=== RECORDS SHOWN ===

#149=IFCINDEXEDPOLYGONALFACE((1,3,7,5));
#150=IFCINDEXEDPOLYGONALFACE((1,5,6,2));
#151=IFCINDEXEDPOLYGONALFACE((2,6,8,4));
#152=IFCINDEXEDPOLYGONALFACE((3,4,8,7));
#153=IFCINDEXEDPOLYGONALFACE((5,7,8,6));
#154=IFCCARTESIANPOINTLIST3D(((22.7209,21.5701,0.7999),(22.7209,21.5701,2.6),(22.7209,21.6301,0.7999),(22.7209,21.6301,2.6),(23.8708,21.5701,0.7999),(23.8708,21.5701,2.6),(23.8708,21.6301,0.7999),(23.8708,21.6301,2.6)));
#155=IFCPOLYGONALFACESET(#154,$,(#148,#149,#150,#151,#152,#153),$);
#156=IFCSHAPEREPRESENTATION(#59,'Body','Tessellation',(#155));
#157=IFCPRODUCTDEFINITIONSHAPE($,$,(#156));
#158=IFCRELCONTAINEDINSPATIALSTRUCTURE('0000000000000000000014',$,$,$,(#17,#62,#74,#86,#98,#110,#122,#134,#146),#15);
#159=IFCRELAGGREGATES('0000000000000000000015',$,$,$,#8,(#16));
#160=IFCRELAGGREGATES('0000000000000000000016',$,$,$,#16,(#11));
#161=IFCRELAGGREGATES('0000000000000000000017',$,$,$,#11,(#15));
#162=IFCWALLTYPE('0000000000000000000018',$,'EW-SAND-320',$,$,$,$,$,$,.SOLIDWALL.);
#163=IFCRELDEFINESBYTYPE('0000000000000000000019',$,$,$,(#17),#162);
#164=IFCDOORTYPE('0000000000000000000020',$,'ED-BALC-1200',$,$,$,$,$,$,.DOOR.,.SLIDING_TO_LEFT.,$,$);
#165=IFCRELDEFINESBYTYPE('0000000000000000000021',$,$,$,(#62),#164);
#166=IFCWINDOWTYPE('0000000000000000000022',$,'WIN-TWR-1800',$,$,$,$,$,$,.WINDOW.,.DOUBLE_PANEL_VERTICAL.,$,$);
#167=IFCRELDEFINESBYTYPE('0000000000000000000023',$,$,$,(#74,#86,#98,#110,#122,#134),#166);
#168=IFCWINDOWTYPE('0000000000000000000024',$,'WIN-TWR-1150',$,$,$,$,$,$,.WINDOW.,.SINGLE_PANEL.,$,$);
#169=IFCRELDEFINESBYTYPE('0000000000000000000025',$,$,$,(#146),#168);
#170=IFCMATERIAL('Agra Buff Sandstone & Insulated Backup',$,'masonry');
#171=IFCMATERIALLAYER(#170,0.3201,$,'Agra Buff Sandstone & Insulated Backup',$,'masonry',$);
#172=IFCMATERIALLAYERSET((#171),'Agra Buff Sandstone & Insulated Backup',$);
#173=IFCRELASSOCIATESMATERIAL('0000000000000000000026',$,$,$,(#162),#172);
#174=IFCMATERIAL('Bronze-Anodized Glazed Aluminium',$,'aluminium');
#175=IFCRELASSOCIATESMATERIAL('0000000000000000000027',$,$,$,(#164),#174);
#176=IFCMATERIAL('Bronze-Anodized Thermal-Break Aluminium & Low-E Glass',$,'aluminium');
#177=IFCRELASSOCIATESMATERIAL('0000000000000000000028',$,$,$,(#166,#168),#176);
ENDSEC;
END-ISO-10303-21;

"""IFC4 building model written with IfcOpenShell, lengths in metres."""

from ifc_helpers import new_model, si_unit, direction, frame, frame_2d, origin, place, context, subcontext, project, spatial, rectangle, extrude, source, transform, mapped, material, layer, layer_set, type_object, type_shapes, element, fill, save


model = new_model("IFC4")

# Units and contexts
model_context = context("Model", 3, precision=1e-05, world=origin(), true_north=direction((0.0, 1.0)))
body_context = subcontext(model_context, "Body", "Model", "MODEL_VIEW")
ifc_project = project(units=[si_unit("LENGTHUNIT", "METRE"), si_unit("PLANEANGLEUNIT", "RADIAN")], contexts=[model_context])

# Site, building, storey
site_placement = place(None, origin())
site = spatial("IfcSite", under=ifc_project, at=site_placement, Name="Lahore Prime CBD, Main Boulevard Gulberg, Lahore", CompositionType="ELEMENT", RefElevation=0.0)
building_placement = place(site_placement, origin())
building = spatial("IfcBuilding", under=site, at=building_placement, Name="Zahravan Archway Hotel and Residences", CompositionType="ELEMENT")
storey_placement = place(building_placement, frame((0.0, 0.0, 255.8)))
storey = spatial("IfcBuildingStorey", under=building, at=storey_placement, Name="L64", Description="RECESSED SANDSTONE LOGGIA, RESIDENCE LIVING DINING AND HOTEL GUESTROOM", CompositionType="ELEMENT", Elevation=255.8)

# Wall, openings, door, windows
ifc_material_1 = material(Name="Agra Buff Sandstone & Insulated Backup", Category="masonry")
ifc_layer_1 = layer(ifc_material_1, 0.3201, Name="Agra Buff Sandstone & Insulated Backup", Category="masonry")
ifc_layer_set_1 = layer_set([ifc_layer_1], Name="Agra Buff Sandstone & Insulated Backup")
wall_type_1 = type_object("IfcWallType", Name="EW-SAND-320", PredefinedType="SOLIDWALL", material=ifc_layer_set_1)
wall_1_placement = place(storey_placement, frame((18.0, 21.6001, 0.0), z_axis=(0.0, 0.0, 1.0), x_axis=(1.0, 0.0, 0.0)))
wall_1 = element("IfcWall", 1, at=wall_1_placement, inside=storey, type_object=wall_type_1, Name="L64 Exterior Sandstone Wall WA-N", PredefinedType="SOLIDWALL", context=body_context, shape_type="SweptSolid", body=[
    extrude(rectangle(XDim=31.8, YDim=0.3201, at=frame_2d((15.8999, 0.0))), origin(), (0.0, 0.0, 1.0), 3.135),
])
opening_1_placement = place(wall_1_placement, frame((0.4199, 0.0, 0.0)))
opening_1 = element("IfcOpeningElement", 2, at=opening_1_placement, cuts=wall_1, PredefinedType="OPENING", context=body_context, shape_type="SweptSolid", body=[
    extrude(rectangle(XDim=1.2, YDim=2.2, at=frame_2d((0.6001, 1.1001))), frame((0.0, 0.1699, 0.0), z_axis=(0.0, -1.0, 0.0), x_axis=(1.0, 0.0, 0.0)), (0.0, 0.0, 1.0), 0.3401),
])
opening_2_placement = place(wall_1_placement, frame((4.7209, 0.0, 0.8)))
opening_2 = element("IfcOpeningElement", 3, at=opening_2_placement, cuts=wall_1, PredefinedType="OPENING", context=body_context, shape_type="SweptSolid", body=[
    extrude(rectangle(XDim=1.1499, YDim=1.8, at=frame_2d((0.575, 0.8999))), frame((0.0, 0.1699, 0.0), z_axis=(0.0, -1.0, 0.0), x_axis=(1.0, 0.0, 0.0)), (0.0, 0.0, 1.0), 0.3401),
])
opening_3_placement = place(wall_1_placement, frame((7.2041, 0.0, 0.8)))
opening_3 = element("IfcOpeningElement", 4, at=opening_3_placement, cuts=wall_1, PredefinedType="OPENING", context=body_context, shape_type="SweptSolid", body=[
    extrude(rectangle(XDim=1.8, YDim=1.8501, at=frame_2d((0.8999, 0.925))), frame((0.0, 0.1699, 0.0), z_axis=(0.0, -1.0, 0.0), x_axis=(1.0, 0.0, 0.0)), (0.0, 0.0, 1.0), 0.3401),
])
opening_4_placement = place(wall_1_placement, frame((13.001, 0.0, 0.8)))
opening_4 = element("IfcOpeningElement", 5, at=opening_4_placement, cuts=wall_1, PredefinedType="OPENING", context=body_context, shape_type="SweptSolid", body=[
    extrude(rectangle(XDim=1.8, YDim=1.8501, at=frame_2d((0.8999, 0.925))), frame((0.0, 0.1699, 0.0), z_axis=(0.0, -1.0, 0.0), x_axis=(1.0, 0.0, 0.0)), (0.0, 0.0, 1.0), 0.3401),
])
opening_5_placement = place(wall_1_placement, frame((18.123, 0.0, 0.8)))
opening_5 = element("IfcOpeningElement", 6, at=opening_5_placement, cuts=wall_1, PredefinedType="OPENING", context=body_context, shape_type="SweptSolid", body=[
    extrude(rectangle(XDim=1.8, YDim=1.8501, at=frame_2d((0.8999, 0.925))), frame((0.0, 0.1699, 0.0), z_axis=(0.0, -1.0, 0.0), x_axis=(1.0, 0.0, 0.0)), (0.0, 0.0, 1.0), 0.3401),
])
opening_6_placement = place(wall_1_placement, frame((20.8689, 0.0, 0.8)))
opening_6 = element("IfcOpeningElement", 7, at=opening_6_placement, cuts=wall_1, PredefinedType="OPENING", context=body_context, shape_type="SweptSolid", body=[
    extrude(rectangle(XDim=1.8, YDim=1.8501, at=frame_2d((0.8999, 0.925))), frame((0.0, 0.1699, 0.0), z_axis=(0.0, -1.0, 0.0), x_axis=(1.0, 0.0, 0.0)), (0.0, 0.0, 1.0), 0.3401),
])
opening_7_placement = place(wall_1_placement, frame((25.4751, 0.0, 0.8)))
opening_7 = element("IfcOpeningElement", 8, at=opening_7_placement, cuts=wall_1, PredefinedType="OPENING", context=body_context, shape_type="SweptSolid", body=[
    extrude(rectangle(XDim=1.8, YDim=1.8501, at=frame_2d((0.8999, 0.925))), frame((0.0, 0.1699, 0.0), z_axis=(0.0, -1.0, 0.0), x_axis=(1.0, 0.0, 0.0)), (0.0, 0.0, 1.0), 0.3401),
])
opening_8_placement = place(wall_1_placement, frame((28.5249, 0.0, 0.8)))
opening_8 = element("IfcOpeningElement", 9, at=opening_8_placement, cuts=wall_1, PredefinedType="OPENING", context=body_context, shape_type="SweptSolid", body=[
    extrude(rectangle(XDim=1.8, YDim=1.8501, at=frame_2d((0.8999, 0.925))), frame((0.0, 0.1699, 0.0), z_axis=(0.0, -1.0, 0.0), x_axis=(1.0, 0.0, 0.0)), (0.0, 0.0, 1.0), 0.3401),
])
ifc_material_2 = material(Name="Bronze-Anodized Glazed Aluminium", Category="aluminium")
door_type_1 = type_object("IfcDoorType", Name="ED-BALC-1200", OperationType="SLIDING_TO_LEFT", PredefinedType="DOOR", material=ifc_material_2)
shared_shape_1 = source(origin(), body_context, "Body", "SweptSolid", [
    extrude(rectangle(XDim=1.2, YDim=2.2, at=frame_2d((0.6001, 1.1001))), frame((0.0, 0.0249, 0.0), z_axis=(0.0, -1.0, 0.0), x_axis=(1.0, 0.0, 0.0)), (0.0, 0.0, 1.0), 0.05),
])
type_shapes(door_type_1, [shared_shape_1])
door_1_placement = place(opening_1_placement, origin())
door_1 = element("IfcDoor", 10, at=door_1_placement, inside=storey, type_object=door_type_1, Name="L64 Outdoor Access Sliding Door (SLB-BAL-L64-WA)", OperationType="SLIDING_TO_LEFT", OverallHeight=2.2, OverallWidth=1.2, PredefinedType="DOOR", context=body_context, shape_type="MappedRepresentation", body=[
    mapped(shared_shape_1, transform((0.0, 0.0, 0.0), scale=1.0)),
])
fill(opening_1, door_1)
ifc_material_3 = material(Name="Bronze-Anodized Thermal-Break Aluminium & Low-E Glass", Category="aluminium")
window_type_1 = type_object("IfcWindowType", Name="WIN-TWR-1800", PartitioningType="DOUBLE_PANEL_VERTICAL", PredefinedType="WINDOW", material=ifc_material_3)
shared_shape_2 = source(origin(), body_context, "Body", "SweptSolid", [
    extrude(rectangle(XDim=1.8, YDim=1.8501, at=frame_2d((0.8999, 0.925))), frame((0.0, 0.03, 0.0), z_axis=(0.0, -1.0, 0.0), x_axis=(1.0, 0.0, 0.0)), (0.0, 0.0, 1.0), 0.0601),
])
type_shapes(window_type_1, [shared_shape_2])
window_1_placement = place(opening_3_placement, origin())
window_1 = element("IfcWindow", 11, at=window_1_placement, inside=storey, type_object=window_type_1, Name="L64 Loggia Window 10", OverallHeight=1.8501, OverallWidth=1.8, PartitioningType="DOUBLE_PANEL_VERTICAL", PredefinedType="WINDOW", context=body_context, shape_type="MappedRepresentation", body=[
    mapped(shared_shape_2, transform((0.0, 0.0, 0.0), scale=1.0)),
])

===

### WORK REQUEST:
In the data above, start at the line that has "Exterior Sandstone Wall", stop after the line that has "frame((4.7209, 0.0, 0.8)))", and print every line in between exactly as it stands.

### REPLY TO THE EXERCISE:
wall_1 = element("IfcWall", 1, at=wall_1_placement, inside=storey, type_object=wall_type_1, Name="L64 Exterior Sandstone Wall WA-N", PredefinedType="SOLIDWALL", context=body_context, shape_type="SweptSolid", body=[
    extrude(rectangle(XDim=31.8, YDim=0.3201, at=frame_2d((15.8999, 0.0))), origin(), (0.0, 0.0, 1.0), 3.135),
])
opening_1_placement = place(wall_1_placement, frame((0.4199, 0.0, 0.0)))
opening_1 = element("IfcOpeningElement", 2, at=opening_1_placement, cuts=wall_1, PredefinedType="OPENING", context=body_context, shape_type="SweptSolid", body=[
    extrude(rectangle(XDim=1.2, YDim=2.2, at=frame_2d((0.6001, 1.1001))), frame((0.0, 0.1699, 0.0), z_axis=(0.0, -1.0, 0.0), x_axis=(1.0, 0.0, 0.0)), (0.0, 0.0, 1.0), 0.3401),
])
opening_2_placement = place(wall_1_placement, frame((4.7209, 0.0, 0.8)))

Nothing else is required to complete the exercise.